Stored items

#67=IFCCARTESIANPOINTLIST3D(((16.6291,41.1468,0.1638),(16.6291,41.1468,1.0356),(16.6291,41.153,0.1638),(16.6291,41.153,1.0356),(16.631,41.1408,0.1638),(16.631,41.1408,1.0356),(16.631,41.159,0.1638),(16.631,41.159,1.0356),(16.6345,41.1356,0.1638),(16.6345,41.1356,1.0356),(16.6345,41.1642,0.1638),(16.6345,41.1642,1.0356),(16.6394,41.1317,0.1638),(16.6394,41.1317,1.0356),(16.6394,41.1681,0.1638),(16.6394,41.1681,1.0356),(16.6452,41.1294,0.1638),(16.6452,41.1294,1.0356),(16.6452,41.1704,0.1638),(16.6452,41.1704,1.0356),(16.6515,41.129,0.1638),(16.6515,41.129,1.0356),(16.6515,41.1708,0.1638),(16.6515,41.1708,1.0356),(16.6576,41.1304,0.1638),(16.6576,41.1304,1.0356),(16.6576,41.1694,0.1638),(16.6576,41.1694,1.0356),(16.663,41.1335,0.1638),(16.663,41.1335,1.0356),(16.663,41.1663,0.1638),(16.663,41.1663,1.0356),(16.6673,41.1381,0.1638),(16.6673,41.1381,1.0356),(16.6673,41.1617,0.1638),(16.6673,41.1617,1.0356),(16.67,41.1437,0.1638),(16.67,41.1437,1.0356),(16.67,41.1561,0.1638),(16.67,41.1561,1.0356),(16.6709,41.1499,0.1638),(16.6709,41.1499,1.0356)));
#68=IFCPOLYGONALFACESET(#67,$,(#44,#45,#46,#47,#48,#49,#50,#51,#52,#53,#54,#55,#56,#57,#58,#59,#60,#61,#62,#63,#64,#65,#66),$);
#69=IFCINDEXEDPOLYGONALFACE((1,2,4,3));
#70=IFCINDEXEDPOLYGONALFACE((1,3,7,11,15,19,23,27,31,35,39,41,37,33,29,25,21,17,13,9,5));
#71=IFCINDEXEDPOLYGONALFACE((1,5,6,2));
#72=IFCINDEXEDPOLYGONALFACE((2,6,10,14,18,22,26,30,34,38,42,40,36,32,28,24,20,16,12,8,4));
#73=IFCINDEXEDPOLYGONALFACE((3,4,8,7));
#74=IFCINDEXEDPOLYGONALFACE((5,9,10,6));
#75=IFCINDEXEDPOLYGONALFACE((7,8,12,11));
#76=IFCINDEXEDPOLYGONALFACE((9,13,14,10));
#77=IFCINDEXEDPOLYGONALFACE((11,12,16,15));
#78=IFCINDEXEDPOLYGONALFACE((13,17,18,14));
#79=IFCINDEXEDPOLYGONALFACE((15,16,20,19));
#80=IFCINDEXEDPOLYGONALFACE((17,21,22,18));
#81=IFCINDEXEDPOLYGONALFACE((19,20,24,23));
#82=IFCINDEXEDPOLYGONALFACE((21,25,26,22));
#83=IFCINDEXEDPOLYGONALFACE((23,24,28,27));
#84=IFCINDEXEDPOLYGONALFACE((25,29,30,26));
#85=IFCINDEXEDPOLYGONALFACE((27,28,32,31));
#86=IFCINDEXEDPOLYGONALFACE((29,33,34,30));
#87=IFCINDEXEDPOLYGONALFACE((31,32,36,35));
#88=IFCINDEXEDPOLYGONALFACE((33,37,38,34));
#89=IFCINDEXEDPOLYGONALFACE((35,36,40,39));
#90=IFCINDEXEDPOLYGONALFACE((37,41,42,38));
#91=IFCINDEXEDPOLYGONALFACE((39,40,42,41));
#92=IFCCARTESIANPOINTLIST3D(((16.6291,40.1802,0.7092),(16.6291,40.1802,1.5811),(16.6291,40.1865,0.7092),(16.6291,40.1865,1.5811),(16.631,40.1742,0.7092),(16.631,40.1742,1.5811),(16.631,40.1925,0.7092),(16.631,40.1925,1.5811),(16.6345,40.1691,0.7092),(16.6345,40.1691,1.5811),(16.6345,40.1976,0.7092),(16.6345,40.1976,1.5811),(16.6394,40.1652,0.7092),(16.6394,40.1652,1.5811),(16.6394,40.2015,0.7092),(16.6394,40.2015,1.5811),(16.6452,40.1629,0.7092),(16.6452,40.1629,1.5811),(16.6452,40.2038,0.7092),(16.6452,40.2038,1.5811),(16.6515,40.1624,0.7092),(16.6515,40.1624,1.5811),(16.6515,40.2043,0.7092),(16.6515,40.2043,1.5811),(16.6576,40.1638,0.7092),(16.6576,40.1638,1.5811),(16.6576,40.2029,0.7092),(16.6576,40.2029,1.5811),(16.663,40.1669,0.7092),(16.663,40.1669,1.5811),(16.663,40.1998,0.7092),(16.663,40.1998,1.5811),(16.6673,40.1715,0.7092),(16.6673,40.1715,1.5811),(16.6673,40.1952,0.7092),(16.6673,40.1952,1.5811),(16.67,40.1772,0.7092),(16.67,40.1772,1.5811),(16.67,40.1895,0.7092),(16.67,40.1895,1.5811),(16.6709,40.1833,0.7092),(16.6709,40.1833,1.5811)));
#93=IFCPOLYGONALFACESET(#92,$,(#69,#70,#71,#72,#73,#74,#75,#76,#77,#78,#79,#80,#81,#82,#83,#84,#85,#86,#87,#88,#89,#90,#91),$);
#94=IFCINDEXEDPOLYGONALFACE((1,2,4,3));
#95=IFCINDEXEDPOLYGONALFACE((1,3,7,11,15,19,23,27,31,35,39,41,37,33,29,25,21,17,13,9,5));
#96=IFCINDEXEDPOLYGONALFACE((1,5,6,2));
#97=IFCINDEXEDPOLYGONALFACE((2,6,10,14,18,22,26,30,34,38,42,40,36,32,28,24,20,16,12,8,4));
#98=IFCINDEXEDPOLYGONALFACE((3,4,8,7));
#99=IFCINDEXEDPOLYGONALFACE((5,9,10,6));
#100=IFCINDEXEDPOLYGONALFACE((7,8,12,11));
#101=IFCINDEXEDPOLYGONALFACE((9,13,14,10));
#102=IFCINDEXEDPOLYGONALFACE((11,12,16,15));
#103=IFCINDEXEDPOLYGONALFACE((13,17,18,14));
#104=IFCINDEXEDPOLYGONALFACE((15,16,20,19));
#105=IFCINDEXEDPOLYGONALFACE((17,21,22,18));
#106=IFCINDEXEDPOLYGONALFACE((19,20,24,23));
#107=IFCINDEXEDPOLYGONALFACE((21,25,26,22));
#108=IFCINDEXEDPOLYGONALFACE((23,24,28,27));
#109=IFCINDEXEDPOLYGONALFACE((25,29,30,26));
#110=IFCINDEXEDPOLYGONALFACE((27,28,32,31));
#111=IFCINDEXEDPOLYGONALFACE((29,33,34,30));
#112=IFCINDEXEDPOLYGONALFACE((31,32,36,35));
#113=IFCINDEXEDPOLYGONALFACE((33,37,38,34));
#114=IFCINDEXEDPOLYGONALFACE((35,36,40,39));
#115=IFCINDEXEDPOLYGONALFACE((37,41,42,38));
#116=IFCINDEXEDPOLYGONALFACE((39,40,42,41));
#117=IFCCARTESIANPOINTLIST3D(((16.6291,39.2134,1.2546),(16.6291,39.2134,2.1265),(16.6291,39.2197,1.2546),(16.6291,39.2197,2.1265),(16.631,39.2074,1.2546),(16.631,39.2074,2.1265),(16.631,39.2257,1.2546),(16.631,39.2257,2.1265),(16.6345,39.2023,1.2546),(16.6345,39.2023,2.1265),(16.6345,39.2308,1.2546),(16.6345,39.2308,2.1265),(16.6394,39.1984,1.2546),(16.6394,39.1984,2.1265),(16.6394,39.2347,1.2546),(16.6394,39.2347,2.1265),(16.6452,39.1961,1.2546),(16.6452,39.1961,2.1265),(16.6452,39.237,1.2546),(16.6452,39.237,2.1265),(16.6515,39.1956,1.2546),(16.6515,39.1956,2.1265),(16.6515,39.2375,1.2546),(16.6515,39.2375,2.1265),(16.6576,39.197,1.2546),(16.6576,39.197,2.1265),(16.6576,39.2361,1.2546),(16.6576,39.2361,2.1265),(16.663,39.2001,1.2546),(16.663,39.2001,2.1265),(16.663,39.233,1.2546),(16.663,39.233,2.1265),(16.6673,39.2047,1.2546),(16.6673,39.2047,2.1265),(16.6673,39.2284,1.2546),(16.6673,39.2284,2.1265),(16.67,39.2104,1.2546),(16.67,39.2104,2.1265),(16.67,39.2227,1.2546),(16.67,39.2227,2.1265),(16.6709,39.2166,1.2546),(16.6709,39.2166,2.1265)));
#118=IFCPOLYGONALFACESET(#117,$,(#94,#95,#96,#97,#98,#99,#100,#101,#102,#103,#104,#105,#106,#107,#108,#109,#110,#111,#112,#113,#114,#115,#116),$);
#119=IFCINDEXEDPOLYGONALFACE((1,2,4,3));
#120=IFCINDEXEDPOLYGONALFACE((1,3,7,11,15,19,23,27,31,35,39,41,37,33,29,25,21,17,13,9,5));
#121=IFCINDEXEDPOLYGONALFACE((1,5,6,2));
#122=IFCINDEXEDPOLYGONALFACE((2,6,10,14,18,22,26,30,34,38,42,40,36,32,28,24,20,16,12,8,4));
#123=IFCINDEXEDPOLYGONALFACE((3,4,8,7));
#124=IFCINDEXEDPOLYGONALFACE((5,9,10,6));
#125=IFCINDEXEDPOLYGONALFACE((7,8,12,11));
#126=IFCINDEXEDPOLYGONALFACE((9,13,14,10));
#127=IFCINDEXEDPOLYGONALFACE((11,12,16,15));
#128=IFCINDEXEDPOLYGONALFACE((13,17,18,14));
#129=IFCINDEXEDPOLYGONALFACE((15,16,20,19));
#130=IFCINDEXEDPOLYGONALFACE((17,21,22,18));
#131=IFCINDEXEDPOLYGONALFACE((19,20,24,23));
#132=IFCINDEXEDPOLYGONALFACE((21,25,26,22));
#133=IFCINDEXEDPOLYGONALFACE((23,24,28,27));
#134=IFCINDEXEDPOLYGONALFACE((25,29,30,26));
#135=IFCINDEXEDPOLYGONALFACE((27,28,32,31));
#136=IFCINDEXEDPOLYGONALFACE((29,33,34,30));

* Problem to work on: Lines from the top of the entries above to the line that contains "#79=IFCINDEXEDPOLYGONALFACE((15,16,20,19));" should be set down exactly, please, with both ends kept and nothing added.

* Solution to this problem:
#67=IFCCARTESIANPOINTLIST3D(((16.6291,41.1468,0.1638),(16.6291,41.1468,1.0356),(16.6291,41.153,0.1638),(16.6291,41.153,1.0356),(16.631,41.1408,0.1638),(16.631,41.1408,1.0356),(16.631,41.159,0.1638),(16.631,41.159,1.0356),(16.6345,41.1356,0.1638),(16.6345,41.1356,1.0356),(16.6345,41.1642,0.1638),(16.6345,41.1642,1.0356),(16.6394,41.1317,0.1638),(16.6394,41.1317,1.0356),(16.6394,41.1681,0.1638),(16.6394,41.1681,1.0356),(16.6452,41.1294,0.1638),(16.6452,41.1294,1.0356),(16.6452,41.1704,0.1638),(16.6452,41.1704,1.0356),(16.6515,41.129,0.1638),(16.6515,41.129,1.0356),(16.6515,41.1708,0.1638),(16.6515,41.1708,1.0356),(16.6576,41.1304,0.1638),(16.6576,41.1304,1.0356),(16.6576,41.1694,0.1638),(16.6576,41.1694,1.0356),(16.663,41.1335,0.1638),(16.663,41.1335,1.0356),(16.663,41.1663,0.1638),(16.663,41.1663,1.0356),(16.6673,41.1381,0.1638),(16.6673,41.1381,1.0356),(16.6673,41.1617,0.1638),(16.6673,41.1617,1.0356),(16.67,41.1437,0.1638),(16.67,41.1437,1.0356),(16.67,41.1561,0.1638),(16.67,41.1561,1.0356),(16.6709,41.1499,0.1638),(16.6709,41.1499,1.0356)));
#68=IFCPOLYGONALFACESET(#67,$,(#44,#45,#46,#47,#48,#49,#50,#51,#52,#53,#54,#55,#56,#57,#58,#59,#60,#61,#62,#63,#64,#65,#66),$);
#69=IFCINDEXEDPOLYGONALFACE((1,2,4,3));
#70=IFCINDEXEDPOLYGONALFACE((1,3,7,11,15,19,23,27,31,35,39,41,37,33,29,25,21,17,13,9,5));
#71=IFCINDEXEDPOLYGONALFACE((1,5,6,2));
#72=IFCINDEXEDPOLYGONALFACE((2,6,10,14,18,22,26,30,34,38,42,40,36,32,28,24,20,16,12,8,4));
#73=IFCINDEXEDPOLYGONALFACE((3,4,8,7));
#74=IFCINDEXEDPOLYGONALFACE((5,9,10,6));
#75=IFCINDEXEDPOLYGONALFACE((7,8,12,11));
#76=IFCINDEXEDPOLYGONALFACE((9,13,14,10));
#77=IFCINDEXEDPOLYGONALFACE((11,12,16,15));
#78=IFCINDEXEDPOLYGONALFACE((13,17,18,14));
#79=IFCINDEXEDPOLYGONALFACE((15,16,20,19));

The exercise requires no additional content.